● Task to complete:
State the number of lines in the listing below that contain the word "NOTDEFINED", and nothing besides.

(Working data)

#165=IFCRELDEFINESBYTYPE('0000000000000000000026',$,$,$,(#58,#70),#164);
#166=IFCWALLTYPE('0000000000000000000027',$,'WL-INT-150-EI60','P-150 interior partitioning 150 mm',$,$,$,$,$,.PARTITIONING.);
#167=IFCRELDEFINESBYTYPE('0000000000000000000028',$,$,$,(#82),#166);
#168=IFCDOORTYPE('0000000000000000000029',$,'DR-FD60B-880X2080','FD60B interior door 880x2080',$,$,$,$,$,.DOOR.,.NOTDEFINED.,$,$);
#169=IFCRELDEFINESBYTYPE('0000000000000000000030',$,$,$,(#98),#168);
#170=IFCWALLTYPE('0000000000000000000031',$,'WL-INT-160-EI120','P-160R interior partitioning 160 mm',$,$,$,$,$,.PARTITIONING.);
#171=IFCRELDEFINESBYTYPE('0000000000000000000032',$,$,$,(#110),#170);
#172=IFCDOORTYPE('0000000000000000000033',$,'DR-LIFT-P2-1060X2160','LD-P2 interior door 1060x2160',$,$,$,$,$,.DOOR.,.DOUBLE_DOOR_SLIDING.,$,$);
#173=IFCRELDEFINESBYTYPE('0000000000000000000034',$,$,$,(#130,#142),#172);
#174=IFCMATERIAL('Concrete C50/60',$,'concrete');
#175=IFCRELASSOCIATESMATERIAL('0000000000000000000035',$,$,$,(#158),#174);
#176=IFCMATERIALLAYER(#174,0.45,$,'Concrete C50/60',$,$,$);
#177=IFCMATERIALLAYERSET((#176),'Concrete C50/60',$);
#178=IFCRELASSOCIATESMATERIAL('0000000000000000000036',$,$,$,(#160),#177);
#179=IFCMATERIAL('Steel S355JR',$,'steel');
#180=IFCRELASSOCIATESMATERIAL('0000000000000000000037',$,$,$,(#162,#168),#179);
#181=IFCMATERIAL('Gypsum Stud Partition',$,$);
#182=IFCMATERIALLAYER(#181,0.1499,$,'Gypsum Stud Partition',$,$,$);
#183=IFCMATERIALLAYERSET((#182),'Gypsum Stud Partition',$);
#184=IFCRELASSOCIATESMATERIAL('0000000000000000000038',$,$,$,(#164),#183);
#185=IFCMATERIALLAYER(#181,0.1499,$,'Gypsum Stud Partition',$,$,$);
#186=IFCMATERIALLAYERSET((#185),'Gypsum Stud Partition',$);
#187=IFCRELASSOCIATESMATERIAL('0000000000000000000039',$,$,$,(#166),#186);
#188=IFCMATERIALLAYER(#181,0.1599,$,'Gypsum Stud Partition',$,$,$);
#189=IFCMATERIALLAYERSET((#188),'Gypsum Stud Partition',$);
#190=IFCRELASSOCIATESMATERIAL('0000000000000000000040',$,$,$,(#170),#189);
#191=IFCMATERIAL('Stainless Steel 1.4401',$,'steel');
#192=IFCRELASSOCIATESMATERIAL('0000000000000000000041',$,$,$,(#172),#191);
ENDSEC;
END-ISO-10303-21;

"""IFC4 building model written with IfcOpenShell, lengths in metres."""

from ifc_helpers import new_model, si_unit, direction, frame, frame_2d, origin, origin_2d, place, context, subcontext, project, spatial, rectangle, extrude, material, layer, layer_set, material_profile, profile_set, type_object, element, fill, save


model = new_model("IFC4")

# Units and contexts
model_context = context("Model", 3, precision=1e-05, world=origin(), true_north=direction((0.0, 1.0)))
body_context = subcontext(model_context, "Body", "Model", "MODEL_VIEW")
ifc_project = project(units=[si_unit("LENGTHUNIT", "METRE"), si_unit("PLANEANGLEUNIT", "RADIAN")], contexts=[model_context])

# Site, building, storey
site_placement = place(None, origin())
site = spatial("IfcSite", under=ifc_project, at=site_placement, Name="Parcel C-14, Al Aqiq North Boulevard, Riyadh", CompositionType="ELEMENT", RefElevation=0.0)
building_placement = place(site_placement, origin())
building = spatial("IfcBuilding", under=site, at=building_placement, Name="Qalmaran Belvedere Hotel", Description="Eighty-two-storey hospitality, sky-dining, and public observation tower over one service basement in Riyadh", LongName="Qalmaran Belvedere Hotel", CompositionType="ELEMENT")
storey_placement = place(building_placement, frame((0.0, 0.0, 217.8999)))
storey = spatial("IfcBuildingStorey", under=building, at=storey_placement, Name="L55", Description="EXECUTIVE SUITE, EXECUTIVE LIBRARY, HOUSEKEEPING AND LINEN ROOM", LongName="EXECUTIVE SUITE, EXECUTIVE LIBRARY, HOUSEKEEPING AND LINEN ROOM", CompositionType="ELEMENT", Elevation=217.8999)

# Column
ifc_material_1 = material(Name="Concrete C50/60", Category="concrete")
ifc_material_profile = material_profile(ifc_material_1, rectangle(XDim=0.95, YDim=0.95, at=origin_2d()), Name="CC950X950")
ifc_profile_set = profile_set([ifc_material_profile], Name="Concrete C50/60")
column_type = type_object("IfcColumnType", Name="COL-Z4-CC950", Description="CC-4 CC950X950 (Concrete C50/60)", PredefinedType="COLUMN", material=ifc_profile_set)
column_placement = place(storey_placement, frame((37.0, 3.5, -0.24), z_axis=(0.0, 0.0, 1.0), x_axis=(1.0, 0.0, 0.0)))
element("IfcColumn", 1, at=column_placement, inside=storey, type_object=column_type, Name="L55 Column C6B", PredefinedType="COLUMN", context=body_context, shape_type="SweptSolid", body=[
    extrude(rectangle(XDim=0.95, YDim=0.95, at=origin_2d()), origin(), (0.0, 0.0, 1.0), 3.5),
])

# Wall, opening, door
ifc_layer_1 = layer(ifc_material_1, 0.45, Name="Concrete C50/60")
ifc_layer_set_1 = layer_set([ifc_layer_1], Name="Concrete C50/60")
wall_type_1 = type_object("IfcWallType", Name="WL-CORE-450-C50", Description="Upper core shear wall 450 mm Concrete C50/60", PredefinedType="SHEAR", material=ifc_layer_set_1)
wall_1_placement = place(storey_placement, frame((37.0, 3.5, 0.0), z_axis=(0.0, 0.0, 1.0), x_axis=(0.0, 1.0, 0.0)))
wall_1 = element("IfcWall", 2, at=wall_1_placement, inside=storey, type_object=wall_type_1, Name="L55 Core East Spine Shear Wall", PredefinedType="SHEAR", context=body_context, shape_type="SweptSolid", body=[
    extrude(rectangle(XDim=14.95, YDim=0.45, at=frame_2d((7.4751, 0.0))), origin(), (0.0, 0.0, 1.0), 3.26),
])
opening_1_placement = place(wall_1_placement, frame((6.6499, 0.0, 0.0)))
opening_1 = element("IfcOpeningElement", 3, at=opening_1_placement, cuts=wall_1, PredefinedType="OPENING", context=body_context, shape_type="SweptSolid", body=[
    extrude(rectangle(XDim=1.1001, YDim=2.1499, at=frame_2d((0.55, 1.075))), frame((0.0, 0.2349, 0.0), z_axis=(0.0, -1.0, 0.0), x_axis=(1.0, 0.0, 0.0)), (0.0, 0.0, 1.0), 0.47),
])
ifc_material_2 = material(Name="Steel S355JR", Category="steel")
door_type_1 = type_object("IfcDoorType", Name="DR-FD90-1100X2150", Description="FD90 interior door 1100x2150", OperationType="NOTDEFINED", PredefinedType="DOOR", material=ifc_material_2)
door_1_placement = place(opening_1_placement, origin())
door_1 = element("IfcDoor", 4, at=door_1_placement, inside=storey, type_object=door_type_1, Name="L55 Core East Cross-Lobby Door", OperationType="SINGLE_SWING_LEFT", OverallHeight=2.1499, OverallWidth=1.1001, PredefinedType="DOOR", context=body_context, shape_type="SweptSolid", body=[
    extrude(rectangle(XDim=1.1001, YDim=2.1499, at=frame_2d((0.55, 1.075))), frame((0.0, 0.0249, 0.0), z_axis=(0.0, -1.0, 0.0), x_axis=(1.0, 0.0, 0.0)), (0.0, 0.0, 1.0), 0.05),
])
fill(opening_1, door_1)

(End Working data)

● Task response:
2